## Problem details:
Lines in the records below that contain the word "number" must each be copied.

Records excerpted from a collection:

===============

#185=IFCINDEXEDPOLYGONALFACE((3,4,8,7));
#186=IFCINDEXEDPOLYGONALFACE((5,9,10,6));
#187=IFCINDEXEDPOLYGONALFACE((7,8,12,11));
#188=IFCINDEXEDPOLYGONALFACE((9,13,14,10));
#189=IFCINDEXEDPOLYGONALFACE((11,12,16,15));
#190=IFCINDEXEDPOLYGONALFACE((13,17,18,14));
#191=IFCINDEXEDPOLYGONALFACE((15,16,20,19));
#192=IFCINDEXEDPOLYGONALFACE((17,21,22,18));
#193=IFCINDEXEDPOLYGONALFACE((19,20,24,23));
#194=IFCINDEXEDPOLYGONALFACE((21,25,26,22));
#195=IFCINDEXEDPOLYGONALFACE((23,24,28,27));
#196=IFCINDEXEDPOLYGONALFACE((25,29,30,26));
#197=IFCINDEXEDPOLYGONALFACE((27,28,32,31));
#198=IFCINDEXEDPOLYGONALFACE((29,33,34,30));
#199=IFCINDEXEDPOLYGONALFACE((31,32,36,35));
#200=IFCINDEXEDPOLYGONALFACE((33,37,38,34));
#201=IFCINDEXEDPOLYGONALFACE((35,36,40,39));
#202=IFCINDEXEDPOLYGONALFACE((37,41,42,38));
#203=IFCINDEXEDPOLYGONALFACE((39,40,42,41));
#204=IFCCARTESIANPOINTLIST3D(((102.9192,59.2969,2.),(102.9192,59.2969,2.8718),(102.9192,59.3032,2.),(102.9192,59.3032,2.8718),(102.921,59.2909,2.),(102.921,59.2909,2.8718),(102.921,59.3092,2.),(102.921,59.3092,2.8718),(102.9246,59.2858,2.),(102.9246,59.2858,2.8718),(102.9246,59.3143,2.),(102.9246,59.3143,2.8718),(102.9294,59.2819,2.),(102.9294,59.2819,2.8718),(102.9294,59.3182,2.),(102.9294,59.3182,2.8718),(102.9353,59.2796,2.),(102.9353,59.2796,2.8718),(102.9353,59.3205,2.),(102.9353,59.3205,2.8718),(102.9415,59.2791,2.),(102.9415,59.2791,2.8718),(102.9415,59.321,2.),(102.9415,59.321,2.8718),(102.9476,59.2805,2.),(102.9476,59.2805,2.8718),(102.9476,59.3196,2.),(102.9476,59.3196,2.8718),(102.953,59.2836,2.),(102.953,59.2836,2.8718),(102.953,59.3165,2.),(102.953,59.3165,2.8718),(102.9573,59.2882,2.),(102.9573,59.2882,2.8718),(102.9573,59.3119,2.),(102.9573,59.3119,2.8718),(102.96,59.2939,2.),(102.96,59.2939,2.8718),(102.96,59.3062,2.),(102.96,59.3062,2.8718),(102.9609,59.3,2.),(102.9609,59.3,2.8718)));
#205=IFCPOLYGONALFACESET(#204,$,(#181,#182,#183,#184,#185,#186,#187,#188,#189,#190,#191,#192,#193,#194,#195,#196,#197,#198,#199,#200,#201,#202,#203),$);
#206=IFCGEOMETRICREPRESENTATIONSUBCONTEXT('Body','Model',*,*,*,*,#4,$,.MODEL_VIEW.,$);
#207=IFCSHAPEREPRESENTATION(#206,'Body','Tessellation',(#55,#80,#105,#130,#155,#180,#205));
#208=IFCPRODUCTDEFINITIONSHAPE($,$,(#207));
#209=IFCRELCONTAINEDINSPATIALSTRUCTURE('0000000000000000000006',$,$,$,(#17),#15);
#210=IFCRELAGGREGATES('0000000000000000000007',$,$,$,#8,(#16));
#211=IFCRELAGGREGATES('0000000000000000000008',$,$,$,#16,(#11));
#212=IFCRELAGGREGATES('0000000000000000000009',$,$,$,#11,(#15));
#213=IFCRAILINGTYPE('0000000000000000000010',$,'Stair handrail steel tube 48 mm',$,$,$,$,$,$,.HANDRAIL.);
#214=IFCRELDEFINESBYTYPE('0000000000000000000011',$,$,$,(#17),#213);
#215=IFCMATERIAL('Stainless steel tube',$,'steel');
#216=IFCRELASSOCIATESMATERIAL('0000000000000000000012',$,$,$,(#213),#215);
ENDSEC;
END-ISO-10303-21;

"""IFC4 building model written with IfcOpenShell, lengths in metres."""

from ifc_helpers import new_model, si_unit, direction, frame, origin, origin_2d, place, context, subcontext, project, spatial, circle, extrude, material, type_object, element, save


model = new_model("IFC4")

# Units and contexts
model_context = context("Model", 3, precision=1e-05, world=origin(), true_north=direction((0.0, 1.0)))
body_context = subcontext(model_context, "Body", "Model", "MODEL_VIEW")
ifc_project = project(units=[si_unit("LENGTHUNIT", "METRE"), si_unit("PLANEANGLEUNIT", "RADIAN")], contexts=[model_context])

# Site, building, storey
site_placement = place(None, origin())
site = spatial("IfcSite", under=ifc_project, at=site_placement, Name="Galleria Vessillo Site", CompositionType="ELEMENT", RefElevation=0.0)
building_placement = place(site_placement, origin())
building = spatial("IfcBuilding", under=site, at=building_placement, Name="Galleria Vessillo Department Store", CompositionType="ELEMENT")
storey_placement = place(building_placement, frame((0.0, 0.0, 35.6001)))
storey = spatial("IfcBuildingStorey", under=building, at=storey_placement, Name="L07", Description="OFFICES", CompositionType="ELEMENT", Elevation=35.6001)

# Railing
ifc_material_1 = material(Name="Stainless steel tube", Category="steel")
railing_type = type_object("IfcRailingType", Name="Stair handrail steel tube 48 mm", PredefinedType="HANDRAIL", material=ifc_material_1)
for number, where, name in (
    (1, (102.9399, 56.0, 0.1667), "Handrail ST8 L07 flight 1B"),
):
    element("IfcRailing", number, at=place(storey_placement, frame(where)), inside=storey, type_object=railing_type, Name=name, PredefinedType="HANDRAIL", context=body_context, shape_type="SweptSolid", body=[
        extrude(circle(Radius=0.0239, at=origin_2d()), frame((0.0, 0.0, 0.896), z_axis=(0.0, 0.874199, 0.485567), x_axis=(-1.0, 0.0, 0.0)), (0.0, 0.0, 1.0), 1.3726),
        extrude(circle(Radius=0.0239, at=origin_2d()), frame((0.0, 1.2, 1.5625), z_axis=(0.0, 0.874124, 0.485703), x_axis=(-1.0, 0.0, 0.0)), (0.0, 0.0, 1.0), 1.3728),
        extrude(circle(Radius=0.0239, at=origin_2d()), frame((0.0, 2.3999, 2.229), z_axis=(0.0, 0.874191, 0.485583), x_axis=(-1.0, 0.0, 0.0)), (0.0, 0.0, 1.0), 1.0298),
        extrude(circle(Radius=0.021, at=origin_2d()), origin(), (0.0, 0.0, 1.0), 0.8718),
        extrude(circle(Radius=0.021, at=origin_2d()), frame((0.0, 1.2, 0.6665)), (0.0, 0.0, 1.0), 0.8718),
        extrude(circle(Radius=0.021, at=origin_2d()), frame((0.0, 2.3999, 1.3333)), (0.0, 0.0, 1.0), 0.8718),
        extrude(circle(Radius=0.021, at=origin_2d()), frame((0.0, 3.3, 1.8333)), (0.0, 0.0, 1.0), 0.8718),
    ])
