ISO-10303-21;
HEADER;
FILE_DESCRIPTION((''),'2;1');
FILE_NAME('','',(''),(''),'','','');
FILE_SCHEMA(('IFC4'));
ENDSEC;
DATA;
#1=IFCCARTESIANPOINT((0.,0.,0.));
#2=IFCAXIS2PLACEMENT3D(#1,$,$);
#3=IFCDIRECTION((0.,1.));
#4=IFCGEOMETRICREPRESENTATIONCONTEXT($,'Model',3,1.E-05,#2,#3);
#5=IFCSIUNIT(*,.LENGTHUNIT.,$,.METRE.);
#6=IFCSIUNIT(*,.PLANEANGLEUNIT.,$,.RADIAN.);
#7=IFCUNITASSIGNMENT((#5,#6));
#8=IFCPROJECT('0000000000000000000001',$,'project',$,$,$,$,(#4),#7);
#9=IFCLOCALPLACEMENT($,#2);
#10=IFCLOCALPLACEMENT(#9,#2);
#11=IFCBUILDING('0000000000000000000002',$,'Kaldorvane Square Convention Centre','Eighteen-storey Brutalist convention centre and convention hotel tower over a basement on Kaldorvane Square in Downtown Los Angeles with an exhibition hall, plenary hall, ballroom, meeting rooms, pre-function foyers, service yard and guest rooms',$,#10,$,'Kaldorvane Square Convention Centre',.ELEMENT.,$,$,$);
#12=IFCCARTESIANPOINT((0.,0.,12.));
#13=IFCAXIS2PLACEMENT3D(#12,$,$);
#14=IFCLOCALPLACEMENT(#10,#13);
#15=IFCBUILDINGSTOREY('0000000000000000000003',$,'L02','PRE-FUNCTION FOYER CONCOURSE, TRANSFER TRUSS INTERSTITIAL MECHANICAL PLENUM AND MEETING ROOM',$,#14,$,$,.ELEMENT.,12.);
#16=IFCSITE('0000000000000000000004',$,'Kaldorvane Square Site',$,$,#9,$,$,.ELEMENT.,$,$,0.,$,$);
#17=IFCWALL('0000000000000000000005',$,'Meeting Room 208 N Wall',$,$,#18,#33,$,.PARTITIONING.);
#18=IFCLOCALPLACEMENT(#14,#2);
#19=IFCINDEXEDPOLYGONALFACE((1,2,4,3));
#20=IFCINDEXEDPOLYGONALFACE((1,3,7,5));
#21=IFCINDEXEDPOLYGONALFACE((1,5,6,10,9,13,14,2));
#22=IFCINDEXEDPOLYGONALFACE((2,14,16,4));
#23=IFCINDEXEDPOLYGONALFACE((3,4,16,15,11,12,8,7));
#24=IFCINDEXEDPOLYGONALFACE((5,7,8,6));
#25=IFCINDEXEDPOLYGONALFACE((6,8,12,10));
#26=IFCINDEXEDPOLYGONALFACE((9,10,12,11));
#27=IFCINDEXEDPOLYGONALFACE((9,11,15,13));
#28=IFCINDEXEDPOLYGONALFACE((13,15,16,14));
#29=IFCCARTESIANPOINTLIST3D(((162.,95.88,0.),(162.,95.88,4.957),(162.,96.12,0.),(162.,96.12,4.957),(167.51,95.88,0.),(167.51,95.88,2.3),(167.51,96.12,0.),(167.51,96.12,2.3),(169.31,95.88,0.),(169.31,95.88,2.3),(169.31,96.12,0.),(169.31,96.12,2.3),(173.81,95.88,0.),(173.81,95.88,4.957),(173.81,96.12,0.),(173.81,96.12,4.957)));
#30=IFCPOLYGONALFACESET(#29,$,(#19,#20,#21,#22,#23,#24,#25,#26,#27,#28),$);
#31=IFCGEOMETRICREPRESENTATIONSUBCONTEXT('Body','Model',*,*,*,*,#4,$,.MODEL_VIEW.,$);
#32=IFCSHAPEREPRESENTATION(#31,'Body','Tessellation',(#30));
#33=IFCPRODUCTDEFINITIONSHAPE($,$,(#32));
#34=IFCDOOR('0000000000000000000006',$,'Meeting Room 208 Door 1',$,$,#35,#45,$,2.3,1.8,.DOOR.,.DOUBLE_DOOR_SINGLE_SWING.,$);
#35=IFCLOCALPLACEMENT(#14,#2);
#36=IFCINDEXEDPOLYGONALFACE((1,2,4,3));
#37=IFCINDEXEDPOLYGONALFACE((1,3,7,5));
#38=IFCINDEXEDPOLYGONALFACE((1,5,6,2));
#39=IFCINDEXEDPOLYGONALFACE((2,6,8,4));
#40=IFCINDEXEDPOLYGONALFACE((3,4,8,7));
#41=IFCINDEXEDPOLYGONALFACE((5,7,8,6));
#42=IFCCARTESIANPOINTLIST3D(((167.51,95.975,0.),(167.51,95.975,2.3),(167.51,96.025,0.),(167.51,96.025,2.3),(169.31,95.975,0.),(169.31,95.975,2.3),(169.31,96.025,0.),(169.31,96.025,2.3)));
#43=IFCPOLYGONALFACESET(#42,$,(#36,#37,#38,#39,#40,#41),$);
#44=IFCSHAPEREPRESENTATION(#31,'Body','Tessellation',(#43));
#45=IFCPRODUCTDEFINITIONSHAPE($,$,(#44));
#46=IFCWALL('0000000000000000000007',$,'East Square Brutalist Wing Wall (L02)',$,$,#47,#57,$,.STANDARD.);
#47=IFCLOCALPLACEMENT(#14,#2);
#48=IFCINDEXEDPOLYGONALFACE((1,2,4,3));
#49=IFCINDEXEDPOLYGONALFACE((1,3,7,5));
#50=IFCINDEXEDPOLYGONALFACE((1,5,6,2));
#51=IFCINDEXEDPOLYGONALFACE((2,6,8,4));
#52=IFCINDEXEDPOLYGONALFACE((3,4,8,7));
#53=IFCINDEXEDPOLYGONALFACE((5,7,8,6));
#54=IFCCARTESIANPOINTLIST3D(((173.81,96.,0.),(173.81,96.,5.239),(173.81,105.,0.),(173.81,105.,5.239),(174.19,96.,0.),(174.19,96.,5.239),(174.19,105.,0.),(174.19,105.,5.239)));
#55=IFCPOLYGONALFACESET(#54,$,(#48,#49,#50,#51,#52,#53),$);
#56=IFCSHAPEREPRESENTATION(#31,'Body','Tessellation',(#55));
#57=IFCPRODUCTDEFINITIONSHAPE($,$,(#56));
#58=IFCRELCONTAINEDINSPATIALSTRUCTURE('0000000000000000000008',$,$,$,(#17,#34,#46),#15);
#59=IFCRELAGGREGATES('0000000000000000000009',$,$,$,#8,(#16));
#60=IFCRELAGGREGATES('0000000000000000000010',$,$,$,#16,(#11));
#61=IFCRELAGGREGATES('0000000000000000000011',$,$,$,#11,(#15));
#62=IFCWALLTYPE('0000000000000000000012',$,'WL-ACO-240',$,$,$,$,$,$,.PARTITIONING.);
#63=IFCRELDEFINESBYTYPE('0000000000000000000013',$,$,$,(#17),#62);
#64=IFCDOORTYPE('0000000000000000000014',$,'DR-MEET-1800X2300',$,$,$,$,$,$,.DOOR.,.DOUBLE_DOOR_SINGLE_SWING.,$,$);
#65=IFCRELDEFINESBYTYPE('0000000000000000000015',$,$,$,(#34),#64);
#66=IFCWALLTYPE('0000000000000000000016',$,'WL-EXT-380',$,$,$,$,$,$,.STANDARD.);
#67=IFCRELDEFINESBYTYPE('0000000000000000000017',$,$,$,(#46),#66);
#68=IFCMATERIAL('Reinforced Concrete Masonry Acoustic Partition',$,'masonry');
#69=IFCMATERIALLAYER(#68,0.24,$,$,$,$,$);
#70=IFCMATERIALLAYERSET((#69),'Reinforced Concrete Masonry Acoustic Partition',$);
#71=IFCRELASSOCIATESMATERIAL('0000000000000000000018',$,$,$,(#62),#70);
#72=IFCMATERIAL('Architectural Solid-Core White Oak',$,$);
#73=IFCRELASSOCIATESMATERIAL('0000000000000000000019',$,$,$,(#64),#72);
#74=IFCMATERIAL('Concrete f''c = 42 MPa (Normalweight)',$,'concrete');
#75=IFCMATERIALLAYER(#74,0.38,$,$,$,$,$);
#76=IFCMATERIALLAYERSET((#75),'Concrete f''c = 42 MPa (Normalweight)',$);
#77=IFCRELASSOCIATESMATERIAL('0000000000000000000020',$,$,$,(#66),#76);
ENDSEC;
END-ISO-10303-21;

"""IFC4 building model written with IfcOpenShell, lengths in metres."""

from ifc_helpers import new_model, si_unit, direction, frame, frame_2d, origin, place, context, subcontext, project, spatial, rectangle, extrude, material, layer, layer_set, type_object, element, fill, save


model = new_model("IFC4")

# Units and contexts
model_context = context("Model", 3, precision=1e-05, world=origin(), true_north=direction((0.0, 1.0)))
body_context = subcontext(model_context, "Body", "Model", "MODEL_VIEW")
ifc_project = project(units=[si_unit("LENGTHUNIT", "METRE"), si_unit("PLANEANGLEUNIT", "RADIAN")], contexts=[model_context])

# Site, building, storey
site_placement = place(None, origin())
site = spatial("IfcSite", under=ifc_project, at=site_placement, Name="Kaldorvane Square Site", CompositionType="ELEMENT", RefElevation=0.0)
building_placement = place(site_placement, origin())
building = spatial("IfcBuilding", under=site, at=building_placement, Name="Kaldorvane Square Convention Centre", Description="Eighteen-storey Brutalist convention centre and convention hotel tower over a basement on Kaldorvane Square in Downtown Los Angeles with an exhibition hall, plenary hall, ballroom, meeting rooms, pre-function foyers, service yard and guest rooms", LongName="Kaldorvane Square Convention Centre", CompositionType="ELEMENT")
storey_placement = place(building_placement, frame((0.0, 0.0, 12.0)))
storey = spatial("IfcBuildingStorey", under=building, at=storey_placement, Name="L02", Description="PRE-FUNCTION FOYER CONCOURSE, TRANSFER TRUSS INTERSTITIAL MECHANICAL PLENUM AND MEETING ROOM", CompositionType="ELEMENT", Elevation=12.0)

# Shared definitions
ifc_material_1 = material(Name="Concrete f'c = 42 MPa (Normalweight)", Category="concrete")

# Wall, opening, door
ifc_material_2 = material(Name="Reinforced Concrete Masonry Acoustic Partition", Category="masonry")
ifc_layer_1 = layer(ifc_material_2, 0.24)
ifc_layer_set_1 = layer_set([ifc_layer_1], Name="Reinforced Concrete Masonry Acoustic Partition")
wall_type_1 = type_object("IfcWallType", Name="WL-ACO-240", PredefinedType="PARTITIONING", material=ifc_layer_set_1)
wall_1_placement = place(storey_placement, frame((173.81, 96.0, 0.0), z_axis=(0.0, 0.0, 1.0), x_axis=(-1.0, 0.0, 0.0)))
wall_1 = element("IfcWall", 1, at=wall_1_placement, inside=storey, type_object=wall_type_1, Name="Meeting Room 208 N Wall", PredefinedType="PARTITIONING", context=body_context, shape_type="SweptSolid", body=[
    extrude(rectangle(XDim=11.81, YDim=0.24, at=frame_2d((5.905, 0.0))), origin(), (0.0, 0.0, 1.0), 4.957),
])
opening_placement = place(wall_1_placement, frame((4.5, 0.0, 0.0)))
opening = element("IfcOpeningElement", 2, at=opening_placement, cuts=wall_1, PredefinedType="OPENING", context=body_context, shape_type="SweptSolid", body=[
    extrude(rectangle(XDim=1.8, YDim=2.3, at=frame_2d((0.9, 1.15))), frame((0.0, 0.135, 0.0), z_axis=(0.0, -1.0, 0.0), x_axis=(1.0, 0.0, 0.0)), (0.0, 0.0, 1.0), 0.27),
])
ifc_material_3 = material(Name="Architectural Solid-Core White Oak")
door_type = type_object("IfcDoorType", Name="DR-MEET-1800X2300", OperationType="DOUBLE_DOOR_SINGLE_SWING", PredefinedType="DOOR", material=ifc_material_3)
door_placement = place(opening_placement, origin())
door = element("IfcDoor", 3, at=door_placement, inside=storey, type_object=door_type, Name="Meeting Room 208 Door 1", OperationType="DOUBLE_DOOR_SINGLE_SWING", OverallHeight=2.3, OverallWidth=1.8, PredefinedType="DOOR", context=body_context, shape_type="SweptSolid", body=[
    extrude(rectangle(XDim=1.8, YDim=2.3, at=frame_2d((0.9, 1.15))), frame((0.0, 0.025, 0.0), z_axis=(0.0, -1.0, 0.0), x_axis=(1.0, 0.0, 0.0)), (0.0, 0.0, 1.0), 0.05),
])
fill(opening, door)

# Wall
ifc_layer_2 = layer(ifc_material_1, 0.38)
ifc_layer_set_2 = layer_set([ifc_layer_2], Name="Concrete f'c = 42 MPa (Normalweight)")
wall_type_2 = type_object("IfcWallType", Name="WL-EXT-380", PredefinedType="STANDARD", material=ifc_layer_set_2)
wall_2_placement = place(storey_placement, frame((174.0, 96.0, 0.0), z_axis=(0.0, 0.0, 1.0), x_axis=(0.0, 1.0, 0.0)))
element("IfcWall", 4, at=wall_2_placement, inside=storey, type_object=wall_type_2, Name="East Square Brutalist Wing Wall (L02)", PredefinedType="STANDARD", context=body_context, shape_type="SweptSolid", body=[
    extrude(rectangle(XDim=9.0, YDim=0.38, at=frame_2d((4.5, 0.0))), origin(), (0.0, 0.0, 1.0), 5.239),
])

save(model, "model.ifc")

===============

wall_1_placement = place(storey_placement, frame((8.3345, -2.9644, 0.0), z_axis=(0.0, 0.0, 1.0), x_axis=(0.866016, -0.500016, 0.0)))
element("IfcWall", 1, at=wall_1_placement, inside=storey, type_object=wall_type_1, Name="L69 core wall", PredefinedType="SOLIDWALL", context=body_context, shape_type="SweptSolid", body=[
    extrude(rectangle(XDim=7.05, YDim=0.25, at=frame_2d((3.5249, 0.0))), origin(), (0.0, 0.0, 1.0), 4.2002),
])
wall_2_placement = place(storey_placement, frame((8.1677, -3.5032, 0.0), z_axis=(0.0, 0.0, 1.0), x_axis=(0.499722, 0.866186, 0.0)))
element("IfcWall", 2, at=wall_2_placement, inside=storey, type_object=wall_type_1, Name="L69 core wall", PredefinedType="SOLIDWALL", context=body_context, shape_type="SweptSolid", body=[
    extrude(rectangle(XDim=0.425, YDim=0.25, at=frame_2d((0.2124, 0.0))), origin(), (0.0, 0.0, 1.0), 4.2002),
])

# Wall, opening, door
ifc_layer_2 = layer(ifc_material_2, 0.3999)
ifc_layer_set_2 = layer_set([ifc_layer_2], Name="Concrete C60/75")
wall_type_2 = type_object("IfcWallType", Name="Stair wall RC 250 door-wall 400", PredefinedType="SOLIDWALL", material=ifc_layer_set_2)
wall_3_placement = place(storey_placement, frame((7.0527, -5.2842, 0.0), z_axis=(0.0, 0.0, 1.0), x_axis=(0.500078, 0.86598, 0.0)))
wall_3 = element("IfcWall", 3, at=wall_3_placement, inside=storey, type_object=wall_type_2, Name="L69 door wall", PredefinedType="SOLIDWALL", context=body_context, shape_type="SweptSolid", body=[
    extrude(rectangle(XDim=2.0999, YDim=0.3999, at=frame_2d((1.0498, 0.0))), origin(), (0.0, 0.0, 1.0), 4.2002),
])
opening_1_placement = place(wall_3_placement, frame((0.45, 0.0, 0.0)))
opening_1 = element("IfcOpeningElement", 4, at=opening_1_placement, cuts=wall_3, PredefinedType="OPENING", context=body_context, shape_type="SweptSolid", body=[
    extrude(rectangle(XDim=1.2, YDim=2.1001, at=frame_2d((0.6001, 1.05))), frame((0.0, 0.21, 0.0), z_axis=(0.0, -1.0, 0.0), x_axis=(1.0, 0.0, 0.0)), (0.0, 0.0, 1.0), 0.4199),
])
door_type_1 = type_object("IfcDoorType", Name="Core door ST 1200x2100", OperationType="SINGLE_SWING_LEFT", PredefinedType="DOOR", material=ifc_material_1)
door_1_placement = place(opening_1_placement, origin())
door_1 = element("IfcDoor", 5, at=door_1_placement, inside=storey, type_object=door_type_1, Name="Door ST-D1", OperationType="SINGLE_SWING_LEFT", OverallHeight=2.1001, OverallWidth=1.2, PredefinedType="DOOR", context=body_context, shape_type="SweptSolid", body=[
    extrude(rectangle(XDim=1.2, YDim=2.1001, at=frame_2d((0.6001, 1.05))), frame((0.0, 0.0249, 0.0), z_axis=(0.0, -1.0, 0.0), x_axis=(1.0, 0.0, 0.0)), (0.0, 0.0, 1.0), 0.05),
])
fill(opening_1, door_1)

===============

## Answer space:
for number, where, name in (
    element("IfcRailing", number, at=place(storey_placement, frame(where)), inside=storey, type_object=railing_type, Name=name, PredefinedType="HANDRAIL", context=body_context, shape_type="SweptSolid", body=[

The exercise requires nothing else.